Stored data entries
--- START ---

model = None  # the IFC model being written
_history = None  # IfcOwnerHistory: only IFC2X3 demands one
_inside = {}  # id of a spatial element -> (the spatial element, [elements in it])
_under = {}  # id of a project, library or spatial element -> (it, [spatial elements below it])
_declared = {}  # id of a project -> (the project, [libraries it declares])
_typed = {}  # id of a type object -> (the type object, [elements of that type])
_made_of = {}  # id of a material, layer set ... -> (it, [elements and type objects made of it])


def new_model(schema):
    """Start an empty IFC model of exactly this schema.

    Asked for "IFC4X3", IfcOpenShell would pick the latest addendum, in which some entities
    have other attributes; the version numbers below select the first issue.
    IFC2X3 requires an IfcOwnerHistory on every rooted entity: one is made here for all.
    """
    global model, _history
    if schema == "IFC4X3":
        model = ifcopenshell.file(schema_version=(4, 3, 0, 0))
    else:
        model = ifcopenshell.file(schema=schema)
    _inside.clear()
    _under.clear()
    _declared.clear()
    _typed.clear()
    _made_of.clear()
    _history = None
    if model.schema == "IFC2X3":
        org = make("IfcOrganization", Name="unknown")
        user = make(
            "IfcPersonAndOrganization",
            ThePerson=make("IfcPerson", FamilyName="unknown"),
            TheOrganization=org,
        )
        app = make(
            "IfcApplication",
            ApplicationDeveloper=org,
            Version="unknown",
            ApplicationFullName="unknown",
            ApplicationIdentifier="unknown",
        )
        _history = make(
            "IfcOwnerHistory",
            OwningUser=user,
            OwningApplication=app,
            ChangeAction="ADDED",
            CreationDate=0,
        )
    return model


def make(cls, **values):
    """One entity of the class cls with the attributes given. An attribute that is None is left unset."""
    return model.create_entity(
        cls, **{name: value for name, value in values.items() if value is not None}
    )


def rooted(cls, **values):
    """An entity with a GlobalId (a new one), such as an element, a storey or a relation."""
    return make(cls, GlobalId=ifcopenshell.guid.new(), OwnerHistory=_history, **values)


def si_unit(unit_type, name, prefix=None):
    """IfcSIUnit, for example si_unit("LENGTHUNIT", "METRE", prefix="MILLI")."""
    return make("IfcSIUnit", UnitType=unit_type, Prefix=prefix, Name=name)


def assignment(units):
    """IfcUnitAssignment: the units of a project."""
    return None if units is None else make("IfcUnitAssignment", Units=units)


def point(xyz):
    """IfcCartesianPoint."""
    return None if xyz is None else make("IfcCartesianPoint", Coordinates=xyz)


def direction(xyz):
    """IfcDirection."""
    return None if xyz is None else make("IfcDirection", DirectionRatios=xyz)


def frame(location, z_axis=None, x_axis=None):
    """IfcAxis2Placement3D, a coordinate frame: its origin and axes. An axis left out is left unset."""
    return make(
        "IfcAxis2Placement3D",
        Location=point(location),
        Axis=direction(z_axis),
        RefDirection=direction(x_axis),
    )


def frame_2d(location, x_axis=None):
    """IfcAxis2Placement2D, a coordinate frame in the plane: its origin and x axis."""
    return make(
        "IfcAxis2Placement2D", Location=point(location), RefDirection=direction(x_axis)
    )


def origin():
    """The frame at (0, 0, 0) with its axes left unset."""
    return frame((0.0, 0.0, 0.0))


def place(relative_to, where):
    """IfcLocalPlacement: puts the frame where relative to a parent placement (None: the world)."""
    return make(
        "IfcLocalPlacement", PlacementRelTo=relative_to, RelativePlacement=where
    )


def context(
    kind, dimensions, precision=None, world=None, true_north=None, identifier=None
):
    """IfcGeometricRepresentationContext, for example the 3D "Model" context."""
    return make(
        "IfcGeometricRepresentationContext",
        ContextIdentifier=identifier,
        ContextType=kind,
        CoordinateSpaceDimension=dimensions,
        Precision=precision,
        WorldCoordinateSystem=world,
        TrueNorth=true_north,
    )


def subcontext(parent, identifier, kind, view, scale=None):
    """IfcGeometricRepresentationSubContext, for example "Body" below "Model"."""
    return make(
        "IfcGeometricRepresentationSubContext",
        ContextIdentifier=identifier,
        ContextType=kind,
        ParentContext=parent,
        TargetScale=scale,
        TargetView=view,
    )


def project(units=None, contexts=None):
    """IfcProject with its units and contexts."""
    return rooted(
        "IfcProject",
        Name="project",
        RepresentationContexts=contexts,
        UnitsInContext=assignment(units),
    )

--- END ---

What the exercise asks:
Go through the records above and return every line that holds the string "rooted".

Answer section:
    IFC2X3 requires an IfcOwnerHistory on every rooted entity: one is made here for all.
def rooted(cls, **values):
    return rooted(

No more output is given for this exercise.